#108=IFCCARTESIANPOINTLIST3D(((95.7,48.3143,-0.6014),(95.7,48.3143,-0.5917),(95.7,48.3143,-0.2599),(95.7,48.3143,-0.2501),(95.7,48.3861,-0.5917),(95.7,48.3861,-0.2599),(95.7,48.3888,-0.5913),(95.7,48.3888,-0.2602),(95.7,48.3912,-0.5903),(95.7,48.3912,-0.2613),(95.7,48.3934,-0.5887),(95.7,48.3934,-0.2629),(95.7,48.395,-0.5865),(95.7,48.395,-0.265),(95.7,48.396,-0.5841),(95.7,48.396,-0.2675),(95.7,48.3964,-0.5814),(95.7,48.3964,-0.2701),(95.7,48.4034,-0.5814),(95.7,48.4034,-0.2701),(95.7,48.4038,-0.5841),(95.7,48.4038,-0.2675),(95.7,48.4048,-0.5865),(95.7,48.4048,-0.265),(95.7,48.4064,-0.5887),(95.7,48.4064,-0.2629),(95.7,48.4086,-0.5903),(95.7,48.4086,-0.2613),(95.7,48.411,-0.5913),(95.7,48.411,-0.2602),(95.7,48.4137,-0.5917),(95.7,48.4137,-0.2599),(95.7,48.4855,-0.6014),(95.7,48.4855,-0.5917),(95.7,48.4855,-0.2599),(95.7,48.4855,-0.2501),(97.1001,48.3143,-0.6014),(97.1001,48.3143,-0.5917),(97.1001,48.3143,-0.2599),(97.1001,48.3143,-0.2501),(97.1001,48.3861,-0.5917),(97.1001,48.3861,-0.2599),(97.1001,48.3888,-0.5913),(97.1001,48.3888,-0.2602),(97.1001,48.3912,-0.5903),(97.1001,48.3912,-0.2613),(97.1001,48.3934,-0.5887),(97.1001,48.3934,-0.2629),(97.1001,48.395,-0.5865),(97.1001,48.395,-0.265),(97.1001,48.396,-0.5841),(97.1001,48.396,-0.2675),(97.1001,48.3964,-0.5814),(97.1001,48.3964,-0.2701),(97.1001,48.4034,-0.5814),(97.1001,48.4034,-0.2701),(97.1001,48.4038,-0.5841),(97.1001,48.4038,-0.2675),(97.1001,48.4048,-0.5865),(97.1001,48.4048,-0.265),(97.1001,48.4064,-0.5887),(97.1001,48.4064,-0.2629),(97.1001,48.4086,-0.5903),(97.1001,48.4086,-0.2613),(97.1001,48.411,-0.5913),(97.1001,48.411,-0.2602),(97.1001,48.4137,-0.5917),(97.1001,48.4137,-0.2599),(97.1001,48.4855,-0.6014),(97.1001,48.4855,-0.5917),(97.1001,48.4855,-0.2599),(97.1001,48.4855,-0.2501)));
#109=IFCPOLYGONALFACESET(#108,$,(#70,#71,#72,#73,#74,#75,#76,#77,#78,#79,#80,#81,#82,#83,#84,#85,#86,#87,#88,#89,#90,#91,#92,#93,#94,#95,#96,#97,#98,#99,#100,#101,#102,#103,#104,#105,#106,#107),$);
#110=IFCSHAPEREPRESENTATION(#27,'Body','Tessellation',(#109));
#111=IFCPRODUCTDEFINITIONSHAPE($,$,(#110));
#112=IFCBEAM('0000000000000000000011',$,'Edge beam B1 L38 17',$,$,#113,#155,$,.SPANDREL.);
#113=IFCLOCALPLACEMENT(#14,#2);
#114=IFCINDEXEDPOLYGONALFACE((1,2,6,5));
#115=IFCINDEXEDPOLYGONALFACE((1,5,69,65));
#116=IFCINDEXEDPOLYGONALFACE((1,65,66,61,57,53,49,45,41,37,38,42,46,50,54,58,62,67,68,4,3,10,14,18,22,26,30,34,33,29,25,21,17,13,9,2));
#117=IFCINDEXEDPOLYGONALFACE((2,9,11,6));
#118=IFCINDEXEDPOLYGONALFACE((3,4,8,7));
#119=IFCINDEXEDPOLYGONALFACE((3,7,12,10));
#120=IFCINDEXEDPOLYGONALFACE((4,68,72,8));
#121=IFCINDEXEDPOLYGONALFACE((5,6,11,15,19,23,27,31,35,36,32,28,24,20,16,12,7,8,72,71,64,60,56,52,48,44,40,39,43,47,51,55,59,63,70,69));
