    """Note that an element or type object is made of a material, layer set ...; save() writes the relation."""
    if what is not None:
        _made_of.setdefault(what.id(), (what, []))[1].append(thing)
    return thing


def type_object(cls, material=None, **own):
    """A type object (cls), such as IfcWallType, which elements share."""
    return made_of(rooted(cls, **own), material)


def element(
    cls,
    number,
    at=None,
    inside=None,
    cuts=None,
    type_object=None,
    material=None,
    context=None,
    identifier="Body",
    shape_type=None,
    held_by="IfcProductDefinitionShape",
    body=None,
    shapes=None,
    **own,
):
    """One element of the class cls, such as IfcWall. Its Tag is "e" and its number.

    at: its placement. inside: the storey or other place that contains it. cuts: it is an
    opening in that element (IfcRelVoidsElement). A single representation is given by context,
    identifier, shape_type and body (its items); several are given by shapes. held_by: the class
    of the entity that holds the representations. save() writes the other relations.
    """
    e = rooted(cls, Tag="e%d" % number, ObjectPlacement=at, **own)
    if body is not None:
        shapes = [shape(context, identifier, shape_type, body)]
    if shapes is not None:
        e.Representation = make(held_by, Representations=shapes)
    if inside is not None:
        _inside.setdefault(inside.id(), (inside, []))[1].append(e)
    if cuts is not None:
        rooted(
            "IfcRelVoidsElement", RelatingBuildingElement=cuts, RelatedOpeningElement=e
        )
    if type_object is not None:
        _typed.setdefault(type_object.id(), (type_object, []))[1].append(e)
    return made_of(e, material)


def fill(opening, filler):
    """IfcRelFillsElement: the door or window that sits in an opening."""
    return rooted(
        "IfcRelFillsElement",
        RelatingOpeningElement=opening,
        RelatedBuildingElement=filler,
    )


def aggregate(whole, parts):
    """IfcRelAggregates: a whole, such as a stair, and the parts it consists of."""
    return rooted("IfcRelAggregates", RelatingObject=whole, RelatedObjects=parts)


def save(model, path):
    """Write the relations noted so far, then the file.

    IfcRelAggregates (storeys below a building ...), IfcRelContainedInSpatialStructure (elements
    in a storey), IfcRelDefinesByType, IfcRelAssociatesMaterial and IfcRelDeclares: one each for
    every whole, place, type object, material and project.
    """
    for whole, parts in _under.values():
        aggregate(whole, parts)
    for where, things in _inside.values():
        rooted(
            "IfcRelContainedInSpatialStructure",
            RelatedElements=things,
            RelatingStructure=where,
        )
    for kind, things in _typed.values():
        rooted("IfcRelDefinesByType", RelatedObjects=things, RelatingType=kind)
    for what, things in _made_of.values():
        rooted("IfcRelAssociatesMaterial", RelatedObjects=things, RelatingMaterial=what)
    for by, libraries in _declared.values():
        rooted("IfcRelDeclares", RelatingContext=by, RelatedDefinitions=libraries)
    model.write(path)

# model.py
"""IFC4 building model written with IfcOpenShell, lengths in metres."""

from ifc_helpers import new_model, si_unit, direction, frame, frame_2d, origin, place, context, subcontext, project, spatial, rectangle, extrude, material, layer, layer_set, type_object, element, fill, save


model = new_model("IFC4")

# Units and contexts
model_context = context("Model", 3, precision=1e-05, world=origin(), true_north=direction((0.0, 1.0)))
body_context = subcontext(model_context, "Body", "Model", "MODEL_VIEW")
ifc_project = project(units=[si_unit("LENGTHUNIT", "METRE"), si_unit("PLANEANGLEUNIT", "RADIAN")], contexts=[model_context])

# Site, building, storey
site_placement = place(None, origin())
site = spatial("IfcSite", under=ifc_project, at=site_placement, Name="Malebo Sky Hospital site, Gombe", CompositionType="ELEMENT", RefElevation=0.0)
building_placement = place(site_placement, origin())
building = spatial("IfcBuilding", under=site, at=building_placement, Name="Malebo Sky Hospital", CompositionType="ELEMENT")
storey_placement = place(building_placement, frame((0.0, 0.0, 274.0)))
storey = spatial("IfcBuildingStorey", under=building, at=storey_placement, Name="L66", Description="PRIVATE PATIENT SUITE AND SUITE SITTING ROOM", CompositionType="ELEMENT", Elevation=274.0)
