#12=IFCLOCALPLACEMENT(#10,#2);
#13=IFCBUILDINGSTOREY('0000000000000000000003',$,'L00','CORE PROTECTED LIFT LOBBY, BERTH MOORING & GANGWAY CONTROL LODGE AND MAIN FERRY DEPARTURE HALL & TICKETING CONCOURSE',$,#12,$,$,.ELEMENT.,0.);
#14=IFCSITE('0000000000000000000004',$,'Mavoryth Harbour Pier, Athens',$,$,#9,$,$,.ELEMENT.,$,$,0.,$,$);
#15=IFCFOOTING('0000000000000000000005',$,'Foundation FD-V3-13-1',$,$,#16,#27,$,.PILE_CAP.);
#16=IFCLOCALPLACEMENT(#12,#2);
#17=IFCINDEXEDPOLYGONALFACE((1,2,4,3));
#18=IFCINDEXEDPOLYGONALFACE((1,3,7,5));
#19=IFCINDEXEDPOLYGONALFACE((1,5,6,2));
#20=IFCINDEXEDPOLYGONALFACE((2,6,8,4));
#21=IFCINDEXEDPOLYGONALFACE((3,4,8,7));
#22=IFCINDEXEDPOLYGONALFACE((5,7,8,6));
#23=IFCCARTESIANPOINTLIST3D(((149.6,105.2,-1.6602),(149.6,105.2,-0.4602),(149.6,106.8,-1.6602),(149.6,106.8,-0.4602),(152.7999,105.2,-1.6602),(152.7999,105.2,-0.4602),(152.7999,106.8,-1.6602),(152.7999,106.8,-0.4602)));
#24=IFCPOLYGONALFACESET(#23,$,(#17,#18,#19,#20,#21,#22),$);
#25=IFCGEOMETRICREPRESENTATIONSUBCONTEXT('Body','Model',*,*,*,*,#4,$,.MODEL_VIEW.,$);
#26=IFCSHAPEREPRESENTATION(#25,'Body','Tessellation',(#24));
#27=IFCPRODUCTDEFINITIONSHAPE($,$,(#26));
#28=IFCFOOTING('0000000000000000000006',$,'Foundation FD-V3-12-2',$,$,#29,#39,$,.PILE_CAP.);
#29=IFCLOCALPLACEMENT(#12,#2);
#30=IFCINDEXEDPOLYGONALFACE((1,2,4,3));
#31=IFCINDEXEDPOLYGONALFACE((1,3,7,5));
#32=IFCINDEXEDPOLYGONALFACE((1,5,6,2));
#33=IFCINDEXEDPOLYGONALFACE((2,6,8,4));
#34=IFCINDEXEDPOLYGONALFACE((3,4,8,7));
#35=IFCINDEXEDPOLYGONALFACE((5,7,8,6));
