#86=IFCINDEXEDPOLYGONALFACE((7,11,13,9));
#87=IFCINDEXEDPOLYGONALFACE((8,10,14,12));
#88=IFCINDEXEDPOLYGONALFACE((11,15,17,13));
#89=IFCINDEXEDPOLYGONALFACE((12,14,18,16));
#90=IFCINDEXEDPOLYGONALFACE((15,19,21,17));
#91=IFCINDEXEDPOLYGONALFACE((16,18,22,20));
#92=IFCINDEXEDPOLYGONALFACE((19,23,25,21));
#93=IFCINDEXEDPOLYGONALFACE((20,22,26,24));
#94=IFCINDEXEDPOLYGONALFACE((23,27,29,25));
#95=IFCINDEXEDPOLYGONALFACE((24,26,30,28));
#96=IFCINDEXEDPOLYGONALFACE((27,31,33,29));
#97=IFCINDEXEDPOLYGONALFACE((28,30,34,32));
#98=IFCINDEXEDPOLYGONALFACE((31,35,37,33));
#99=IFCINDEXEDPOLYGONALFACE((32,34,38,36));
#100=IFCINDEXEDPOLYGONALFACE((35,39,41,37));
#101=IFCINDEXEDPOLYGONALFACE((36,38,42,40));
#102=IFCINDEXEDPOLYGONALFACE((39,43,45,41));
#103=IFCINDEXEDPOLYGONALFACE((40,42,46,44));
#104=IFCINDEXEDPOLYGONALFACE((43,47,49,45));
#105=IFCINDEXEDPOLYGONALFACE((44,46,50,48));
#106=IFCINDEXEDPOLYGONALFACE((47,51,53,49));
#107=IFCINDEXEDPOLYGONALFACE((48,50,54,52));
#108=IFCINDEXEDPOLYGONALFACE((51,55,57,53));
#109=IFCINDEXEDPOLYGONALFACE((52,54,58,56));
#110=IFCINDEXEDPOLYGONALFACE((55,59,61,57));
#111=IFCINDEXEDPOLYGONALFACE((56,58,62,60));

▶ **WORK INSTRUCTION**: Repeat word for word the lines above that run from the line containing "#12=IFCLOCALPLACEMENT(#10,#2);" through the line containing "HALL & TICKETING CONCOURSE',$,#12,$,$,.ELEMENT.,0.);", both ends included, and nothing else.

▶ **REPLY TO THE EXERCISE**:
#12=IFCLOCALPLACEMENT(#10,#2);
#13=IFCBUILDINGSTOREY('0000000000000000000003',$,'L00','CORE PROTECTED LIFT LOBBY, BERTH MOORING & GANGWAY CONTROL LODGE AND MAIN FERRY DEPARTURE HALL & TICKETING CONCOURSE',$,#12,$,$,.ELEMENT.,0.);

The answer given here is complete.